- WHAT THE TASK ASKS: Filter the records, keeping every line that has the string "number".

- ENTRIES SUPPLIED:
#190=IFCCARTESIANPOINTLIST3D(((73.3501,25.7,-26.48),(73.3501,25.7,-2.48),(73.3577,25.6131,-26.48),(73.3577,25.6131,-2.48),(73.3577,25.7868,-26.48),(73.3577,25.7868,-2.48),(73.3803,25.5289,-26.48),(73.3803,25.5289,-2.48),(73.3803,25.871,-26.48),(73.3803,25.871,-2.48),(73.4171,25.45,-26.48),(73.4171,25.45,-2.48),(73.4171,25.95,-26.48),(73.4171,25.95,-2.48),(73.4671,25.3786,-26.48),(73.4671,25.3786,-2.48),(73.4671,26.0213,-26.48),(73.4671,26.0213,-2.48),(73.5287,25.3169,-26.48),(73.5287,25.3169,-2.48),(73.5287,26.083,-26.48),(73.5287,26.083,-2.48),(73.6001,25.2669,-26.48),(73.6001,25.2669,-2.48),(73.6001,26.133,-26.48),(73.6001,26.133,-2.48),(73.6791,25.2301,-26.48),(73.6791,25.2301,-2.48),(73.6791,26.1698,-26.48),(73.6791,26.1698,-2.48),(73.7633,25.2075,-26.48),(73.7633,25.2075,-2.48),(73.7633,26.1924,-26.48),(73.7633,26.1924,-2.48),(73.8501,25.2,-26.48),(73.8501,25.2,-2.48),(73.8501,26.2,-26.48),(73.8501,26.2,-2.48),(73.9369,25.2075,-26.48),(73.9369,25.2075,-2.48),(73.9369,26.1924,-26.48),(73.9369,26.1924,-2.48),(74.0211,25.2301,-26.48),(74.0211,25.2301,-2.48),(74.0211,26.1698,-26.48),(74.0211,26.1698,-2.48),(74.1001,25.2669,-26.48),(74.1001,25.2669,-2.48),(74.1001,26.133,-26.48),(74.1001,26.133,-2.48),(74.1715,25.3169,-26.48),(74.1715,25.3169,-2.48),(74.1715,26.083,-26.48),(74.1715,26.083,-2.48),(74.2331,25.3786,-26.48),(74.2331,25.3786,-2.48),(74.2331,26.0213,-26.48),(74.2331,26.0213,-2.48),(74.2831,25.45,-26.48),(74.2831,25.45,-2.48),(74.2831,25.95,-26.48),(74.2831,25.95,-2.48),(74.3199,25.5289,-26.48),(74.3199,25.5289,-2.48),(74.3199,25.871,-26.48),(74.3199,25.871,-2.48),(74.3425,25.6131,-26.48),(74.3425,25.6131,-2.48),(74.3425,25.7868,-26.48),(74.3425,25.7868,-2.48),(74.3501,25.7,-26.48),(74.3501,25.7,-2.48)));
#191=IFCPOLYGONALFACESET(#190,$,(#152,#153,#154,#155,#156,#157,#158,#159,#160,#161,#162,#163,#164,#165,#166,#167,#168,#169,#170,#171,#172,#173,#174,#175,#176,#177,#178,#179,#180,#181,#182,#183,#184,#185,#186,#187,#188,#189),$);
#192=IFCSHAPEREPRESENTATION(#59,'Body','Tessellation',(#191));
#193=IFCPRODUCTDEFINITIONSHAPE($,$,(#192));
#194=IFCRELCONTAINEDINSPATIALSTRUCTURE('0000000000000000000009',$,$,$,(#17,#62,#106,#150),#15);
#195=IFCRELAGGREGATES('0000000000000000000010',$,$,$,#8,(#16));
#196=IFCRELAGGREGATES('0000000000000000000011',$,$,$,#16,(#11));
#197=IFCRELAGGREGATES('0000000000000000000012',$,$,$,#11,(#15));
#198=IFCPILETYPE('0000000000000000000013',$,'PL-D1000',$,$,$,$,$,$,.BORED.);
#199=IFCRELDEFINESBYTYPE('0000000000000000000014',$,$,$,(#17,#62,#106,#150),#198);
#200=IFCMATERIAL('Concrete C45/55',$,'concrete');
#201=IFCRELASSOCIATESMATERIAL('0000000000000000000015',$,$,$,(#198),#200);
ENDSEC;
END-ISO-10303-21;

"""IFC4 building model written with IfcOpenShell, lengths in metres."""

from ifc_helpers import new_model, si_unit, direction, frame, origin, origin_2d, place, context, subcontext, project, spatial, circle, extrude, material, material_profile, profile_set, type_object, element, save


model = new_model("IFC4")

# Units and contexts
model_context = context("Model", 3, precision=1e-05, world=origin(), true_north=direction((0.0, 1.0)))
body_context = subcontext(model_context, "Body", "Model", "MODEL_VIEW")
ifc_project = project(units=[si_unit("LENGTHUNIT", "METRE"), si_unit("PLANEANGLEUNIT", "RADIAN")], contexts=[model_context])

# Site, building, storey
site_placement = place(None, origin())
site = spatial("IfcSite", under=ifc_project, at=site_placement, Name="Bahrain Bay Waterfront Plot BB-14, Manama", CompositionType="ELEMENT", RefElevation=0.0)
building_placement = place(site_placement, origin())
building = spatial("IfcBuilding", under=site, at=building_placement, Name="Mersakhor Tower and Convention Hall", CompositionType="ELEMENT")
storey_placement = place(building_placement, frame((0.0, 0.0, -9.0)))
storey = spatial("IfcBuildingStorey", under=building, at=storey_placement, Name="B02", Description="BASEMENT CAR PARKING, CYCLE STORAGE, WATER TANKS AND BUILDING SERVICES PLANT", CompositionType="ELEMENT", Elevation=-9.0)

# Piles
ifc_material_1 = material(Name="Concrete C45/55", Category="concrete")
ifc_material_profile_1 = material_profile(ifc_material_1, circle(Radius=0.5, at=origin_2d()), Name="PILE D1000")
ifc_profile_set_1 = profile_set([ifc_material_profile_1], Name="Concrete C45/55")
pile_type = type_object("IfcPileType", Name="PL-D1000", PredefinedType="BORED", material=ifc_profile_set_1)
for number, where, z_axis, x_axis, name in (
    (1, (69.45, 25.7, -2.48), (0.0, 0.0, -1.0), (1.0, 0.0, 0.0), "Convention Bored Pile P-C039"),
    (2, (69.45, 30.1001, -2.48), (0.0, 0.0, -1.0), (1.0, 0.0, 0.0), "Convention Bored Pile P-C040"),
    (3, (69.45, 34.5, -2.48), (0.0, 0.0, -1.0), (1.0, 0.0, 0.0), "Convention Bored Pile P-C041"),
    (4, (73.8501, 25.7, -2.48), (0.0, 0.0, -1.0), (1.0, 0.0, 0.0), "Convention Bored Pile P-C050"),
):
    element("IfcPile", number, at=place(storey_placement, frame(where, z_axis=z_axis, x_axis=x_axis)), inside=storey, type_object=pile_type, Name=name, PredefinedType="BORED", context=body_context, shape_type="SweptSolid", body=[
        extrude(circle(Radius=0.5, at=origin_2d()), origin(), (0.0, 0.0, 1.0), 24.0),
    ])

* * *

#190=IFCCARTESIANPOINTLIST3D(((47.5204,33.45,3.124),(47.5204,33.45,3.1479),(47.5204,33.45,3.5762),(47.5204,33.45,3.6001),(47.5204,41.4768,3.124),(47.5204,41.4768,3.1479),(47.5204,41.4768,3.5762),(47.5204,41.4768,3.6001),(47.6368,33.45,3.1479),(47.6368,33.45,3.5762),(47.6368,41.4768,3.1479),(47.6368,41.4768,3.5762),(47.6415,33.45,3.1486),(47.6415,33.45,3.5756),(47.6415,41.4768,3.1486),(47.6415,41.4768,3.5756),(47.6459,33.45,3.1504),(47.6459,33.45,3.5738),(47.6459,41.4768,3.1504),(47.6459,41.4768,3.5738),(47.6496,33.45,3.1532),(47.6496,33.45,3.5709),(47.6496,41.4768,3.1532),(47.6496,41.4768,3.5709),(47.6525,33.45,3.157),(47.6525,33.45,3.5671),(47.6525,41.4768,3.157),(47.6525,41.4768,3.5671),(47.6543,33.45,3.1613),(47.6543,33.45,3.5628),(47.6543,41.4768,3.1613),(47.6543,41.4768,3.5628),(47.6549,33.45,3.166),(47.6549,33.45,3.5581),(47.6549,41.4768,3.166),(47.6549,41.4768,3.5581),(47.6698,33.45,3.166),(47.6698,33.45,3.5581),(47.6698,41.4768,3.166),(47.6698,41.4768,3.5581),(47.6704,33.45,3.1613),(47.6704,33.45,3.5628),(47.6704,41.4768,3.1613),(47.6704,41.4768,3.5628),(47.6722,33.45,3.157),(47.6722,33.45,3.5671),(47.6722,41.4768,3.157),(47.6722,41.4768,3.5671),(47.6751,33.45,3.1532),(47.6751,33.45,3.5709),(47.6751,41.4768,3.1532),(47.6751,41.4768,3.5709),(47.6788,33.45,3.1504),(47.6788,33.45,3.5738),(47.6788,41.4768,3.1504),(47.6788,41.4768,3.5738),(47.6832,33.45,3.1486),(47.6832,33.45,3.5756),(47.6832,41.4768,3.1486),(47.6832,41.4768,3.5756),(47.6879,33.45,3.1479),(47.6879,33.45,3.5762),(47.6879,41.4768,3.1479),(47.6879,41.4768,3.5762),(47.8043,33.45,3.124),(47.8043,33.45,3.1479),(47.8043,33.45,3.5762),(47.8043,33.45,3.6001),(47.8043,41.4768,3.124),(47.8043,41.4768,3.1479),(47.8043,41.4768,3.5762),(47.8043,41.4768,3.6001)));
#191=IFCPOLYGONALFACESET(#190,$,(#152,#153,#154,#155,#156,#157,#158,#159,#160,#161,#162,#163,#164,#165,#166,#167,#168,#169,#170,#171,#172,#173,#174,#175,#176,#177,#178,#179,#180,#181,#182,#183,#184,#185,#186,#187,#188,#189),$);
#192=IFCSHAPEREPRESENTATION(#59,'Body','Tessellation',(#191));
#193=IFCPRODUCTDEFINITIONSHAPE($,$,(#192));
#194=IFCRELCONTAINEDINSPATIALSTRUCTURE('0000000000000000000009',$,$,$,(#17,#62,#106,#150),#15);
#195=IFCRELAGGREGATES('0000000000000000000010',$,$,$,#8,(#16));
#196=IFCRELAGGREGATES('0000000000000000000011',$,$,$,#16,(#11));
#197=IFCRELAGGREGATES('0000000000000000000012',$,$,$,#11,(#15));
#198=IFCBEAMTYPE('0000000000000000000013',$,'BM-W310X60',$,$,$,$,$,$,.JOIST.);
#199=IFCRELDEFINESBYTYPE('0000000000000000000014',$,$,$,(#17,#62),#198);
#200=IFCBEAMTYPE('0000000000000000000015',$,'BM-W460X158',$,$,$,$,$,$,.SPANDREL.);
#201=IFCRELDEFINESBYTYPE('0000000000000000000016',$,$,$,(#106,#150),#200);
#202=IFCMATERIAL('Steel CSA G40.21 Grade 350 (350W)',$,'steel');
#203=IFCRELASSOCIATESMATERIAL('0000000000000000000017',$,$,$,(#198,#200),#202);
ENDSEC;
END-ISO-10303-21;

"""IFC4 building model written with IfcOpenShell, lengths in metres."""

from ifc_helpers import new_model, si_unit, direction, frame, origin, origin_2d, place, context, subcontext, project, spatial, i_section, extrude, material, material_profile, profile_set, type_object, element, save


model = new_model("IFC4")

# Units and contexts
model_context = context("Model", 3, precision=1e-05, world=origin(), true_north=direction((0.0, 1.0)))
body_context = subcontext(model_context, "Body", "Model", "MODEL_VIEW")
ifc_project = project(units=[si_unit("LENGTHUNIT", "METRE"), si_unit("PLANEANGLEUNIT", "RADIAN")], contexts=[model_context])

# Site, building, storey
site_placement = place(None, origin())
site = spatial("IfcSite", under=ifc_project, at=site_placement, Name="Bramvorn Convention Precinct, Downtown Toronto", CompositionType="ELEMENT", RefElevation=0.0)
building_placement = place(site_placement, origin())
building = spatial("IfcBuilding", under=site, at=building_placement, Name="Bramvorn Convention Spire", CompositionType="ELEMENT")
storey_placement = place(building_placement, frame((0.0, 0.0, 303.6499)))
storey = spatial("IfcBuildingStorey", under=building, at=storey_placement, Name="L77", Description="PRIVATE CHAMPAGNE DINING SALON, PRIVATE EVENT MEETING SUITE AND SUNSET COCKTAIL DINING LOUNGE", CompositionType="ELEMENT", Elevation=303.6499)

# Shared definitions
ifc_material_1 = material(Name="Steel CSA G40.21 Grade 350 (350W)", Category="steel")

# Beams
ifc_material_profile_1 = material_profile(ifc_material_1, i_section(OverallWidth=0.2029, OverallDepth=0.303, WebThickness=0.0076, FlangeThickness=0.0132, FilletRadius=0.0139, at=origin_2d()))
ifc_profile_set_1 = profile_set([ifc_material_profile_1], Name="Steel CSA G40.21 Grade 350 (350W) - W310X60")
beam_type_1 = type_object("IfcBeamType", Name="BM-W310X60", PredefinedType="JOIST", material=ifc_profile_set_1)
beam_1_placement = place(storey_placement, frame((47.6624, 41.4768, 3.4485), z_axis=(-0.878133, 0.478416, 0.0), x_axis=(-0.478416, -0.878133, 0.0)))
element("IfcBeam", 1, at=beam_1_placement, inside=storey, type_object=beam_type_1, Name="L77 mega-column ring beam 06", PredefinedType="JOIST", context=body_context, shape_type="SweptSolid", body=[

- WRITTEN RESPONSE:
for number, where, z_axis, x_axis, name in (
    element("IfcPile", number, at=place(storey_placement, frame(where, z_axis=z_axis, x_axis=x_axis)), inside=storey, type_object=pile_type, Name=name, PredefinedType="BORED", context=body_context, shape_type="SweptSolid", body=[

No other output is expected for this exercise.